*Your objective*.
Reproduce each of the entries that follow, exactly.

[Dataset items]
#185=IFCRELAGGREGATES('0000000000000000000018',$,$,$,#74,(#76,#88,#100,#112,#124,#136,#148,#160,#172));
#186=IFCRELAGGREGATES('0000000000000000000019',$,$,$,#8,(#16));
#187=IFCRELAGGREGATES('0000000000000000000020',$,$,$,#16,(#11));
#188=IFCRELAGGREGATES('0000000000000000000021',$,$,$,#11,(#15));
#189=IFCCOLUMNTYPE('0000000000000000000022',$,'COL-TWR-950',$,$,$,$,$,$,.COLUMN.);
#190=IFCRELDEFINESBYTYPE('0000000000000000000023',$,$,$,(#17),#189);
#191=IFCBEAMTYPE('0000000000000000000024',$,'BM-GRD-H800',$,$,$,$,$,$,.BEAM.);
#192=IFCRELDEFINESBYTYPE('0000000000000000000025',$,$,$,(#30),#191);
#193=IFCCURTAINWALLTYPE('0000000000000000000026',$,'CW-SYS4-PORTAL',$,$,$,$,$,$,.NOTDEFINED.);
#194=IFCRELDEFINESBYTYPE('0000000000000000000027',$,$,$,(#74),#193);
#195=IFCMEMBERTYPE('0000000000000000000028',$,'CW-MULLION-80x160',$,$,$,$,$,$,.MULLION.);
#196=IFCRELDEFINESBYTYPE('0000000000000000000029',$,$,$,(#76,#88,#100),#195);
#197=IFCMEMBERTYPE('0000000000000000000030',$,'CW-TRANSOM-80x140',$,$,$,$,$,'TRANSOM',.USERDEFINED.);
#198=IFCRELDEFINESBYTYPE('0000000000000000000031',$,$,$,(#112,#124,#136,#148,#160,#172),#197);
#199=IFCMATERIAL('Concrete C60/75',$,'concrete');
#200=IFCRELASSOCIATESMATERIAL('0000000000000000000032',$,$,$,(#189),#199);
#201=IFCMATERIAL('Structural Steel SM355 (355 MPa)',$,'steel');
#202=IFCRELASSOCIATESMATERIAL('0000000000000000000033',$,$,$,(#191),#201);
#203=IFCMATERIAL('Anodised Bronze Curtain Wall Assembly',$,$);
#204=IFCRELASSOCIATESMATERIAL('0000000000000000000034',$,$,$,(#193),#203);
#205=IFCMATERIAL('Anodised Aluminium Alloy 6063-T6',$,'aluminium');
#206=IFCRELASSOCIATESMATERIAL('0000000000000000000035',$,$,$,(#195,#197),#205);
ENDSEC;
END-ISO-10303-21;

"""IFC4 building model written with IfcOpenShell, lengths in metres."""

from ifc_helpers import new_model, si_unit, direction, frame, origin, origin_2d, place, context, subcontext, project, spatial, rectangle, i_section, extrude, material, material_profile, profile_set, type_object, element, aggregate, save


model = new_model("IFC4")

*Output of the exercise*.
#185=IFCRELAGGREGATES('0000000000000000000018',$,$,$,#74,(#76,#88,#100,#112,#124,#136,#148,#160,#172));
#186=IFCRELAGGREGATES('0000000000000000000019',$,$,$,#8,(#16));
#187=IFCRELAGGREGATES('0000000000000000000020',$,$,$,#16,(#11));
#188=IFCRELAGGREGATES('0000000000000000000021',$,$,$,#11,(#15));
#189=IFCCOLUMNTYPE('0000000000000000000022',$,'COL-TWR-950',$,$,$,$,$,$,.COLUMN.);
#190=IFCRELDEFINESBYTYPE('0000000000000000000023',$,$,$,(#17),#189);
#191=IFCBEAMTYPE('0000000000000000000024',$,'BM-GRD-H800',$,$,$,$,$,$,.BEAM.);
#192=IFCRELDEFINESBYTYPE('0000000000000000000025',$,$,$,(#30),#191);
#193=IFCCURTAINWALLTYPE('0000000000000000000026',$,'CW-SYS4-PORTAL',$,$,$,$,$,$,.NOTDEFINED.);
#194=IFCRELDEFINESBYTYPE('0000000000000000000027',$,$,$,(#74),#193);
#195=IFCMEMBERTYPE('0000000000000000000028',$,'CW-MULLION-80x160',$,$,$,$,$,$,.MULLION.);
#196=IFCRELDEFINESBYTYPE('0000000000000000000029',$,$,$,(#76,#88,#100),#195);
#197=IFCMEMBERTYPE('0000000000000000000030',$,'CW-TRANSOM-80x140',$,$,$,$,$,'TRANSOM',.USERDEFINED.);
#198=IFCRELDEFINESBYTYPE('0000000000000000000031',$,$,$,(#112,#124,#136,#148,#160,#172),#197);
#199=IFCMATERIAL('Concrete C60/75',$,'concrete');
#200=IFCRELASSOCIATESMATERIAL('0000000000000000000032',$,$,$,(#189),#199);
#201=IFCMATERIAL('Structural Steel SM355 (355 MPa)',$,'steel');
#202=IFCRELASSOCIATESMATERIAL('0000000000000000000033',$,$,$,(#191),#201);
#203=IFCMATERIAL('Anodised Bronze Curtain Wall Assembly',$,$);
#204=IFCRELASSOCIATESMATERIAL('0000000000000000000034',$,$,$,(#193),#203);
#205=IFCMATERIAL('Anodised Aluminium Alloy 6063-T6',$,'aluminium');
#206=IFCRELASSOCIATESMATERIAL('0000000000000000000035',$,$,$,(#195,#197),#205);
ENDSEC;
END-ISO-10303-21;

"""IFC4 building model written with IfcOpenShell, lengths in metres."""

from ifc_helpers import new_model, si_unit, direction, frame, origin, origin_2d, place, context, subcontext, project, spatial, rectangle, i_section, extrude, material, material_profile, profile_set, type_object, element, aggregate, save


model = new_model("IFC4")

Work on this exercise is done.